Exercise description: Please restate, word for word, the lines below that begin at the one with "#28=IFCSHAPEREPRESENTATION(#27,'Body','Tessellation',(#26));" and end at the one with "#37=IFCINDEXEDPOLYGONALFACE((5,7,8,6));". Leave out all other lines.

(Collected data)
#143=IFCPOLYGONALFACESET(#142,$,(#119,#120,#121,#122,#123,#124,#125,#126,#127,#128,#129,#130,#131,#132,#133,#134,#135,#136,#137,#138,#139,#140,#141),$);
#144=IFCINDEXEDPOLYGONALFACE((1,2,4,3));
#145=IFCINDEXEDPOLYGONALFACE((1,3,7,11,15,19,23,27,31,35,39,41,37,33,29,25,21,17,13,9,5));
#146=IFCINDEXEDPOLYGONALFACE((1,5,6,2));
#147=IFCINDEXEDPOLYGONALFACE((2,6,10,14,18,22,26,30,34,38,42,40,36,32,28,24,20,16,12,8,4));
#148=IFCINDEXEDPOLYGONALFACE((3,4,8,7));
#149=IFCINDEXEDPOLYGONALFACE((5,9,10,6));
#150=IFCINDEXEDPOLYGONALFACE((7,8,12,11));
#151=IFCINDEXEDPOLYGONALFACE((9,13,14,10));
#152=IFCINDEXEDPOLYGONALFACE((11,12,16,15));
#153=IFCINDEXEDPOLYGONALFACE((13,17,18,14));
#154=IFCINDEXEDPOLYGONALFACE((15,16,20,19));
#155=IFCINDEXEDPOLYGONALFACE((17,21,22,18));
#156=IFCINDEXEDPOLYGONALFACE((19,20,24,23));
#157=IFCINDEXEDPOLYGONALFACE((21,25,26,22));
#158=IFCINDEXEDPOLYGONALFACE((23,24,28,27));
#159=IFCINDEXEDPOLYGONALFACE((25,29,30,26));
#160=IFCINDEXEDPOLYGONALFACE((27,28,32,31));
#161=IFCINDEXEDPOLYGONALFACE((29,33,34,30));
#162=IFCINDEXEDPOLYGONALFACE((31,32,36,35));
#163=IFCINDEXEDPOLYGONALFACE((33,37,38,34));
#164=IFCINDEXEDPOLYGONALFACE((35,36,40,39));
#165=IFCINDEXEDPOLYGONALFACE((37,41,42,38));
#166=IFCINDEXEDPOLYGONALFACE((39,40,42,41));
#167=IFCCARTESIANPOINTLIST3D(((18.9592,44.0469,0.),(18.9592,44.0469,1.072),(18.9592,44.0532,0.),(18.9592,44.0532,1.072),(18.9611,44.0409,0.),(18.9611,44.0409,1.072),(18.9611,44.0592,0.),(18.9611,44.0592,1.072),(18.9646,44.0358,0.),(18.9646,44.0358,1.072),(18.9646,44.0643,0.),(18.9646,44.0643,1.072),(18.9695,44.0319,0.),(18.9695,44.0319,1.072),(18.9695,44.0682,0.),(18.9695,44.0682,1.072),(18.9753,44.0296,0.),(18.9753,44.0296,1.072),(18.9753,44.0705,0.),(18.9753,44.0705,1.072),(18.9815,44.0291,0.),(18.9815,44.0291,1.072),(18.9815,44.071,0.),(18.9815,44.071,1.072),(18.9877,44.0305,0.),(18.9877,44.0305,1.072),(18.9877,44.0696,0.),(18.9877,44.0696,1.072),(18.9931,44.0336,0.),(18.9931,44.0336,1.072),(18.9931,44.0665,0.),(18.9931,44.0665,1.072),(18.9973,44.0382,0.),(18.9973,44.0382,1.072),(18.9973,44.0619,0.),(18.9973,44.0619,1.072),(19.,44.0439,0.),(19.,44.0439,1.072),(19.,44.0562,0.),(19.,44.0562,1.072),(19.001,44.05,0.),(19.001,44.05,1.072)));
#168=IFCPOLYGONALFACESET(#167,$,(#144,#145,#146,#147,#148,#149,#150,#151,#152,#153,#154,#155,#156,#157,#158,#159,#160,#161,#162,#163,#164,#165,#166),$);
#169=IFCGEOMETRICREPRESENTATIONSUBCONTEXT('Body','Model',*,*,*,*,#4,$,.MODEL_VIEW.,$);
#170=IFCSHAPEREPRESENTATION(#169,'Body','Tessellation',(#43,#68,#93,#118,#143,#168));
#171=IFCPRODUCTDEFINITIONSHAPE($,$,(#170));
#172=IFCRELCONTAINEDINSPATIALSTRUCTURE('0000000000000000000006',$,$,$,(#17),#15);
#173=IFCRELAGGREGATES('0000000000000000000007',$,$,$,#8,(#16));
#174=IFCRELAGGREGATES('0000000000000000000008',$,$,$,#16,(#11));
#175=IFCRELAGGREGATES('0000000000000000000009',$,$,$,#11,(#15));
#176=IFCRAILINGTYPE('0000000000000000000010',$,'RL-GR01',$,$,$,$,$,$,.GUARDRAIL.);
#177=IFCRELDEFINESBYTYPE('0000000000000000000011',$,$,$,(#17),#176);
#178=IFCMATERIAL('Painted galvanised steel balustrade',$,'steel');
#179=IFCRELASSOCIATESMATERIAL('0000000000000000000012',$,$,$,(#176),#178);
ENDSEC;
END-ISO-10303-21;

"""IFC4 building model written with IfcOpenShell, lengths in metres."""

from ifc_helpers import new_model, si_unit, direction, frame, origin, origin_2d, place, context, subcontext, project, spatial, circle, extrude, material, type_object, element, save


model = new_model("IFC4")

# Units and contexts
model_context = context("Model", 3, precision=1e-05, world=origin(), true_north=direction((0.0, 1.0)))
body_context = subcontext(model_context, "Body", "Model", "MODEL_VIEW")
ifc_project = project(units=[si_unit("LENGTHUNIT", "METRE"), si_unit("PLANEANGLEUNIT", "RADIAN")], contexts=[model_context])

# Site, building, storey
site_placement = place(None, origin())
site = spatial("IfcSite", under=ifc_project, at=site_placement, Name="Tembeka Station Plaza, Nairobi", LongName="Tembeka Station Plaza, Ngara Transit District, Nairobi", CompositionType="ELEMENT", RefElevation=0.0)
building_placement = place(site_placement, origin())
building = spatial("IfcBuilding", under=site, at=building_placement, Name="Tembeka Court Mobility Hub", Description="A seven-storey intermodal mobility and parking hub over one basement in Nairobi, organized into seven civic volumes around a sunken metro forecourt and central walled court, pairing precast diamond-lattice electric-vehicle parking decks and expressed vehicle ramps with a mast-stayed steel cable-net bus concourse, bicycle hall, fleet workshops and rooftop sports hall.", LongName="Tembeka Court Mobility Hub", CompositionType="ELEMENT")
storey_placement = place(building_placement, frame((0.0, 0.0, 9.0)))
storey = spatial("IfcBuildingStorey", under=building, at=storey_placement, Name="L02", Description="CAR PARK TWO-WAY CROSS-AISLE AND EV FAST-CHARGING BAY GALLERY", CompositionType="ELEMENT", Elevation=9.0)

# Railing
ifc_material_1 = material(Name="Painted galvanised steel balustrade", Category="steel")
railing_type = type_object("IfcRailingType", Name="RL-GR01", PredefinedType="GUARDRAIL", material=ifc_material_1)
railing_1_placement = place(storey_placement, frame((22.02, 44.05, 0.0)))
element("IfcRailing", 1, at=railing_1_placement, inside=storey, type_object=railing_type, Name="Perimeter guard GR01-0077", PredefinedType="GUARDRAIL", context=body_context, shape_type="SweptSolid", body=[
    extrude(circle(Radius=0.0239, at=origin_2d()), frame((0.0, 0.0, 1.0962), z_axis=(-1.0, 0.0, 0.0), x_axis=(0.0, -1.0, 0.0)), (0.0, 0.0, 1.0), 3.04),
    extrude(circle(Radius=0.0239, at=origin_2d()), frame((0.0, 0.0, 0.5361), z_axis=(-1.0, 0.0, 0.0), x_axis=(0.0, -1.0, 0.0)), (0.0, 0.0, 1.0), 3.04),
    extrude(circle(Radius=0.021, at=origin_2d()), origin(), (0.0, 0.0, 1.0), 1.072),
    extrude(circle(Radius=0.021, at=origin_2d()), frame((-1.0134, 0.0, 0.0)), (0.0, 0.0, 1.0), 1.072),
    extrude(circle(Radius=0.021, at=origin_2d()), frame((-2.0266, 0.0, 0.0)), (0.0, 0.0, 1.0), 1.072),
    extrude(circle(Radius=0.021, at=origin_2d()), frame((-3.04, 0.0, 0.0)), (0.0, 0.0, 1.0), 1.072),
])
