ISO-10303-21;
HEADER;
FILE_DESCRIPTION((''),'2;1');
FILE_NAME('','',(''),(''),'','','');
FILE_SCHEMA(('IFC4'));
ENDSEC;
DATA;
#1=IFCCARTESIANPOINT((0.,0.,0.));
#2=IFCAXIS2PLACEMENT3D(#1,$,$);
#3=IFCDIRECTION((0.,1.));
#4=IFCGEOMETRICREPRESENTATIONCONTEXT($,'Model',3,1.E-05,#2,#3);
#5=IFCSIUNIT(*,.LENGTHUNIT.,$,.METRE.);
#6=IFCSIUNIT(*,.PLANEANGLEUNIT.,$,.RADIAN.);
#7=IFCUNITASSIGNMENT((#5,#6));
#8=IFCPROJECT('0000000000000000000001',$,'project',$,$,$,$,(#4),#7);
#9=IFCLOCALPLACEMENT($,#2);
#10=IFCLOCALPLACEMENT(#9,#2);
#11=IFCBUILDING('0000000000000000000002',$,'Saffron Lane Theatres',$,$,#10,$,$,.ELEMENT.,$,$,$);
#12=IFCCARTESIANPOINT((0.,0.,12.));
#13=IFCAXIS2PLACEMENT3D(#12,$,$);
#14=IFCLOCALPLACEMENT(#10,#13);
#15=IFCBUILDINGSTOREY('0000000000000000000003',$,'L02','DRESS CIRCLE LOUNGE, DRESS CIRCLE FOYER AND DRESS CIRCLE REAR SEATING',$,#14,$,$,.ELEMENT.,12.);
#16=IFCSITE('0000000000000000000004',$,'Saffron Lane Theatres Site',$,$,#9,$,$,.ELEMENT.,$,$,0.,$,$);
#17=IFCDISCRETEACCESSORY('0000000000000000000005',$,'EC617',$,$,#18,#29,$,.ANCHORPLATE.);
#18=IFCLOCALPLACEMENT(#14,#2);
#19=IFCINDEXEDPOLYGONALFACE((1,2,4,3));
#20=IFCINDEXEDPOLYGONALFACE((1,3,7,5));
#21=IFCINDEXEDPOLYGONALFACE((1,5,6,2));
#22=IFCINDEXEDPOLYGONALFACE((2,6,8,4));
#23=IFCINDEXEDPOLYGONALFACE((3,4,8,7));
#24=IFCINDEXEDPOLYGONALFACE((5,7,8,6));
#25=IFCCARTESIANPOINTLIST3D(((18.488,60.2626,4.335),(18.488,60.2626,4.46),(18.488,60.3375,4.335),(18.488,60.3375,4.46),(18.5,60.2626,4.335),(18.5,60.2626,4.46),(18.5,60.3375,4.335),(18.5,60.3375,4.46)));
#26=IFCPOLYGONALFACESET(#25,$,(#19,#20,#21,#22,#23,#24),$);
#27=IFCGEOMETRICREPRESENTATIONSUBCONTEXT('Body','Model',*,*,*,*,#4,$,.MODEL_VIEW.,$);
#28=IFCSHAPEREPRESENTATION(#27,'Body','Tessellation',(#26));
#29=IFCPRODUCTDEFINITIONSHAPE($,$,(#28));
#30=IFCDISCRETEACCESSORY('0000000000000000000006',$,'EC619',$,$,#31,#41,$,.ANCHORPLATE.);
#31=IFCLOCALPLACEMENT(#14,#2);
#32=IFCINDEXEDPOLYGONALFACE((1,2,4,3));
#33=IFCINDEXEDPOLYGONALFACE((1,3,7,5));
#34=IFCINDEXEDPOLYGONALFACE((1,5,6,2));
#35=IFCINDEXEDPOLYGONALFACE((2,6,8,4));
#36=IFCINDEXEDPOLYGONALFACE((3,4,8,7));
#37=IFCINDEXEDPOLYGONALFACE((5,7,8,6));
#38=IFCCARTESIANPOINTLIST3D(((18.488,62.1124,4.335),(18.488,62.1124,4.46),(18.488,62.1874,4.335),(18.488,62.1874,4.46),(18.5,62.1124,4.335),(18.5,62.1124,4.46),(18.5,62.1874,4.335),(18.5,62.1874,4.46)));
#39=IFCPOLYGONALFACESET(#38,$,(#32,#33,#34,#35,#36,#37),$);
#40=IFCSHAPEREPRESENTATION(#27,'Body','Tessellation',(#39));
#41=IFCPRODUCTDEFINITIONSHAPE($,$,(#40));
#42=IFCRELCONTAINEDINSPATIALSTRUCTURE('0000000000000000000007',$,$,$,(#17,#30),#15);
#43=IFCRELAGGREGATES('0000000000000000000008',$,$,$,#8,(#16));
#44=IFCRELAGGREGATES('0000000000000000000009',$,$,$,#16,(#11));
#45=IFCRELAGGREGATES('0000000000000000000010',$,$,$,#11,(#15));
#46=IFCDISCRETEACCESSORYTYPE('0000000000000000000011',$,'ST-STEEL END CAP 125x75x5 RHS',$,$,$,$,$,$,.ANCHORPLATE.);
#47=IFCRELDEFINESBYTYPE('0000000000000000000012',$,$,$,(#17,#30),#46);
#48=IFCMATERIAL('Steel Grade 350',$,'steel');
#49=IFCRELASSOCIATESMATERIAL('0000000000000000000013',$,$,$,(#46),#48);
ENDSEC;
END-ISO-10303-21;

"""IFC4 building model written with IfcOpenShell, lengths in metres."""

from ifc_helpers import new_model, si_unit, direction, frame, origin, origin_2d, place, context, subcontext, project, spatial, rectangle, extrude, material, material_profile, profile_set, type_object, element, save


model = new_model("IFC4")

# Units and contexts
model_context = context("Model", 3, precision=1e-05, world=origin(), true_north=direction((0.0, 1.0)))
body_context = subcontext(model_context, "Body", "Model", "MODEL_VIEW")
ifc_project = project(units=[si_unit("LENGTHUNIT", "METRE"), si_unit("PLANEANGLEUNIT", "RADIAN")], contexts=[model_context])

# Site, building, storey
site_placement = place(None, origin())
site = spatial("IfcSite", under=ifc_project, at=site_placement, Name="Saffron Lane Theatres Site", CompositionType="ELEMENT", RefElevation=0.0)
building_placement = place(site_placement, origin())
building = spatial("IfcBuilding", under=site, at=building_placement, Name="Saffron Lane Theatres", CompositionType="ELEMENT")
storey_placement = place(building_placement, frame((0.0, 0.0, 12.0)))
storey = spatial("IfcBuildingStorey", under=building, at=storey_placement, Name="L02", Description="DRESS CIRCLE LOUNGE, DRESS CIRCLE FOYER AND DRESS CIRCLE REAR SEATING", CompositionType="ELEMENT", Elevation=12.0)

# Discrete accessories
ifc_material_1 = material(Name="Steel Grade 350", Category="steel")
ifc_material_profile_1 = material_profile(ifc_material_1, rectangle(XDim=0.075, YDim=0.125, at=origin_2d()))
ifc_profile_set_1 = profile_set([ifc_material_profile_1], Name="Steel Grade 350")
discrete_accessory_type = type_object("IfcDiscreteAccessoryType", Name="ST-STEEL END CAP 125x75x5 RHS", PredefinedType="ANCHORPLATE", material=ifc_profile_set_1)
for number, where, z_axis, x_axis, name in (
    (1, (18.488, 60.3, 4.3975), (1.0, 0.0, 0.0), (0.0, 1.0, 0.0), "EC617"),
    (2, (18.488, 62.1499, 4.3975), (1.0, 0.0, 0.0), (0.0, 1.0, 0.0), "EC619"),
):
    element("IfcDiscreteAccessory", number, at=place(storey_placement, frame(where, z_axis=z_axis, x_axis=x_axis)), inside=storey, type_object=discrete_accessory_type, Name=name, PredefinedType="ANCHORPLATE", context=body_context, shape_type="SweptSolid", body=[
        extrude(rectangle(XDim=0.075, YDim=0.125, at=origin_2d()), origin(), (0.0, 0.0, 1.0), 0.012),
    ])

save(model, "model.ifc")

Answer box:
#28=IFCSHAPEREPRESENTATION(#27,'Body','Tessellation',(#26));
#29=IFCPRODUCTDEFINITIONSHAPE($,$,(#28));
#30=IFCDISCRETEACCESSORY('0000000000000000000006',$,'EC619',$,$,#31,#41,$,.ANCHORPLATE.);
#31=IFCLOCALPLACEMENT(#14,#2);
#32=IFCINDEXEDPOLYGONALFACE((1,2,4,3));
#33=IFCINDEXEDPOLYGONALFACE((1,3,7,5));
#34=IFCINDEXEDPOLYGONALFACE((1,5,6,2));
#35=IFCINDEXEDPOLYGONALFACE((2,6,8,4));
#36=IFCINDEXEDPOLYGONALFACE((3,4,8,7));
#37=IFCINDEXEDPOLYGONALFACE((5,7,8,6));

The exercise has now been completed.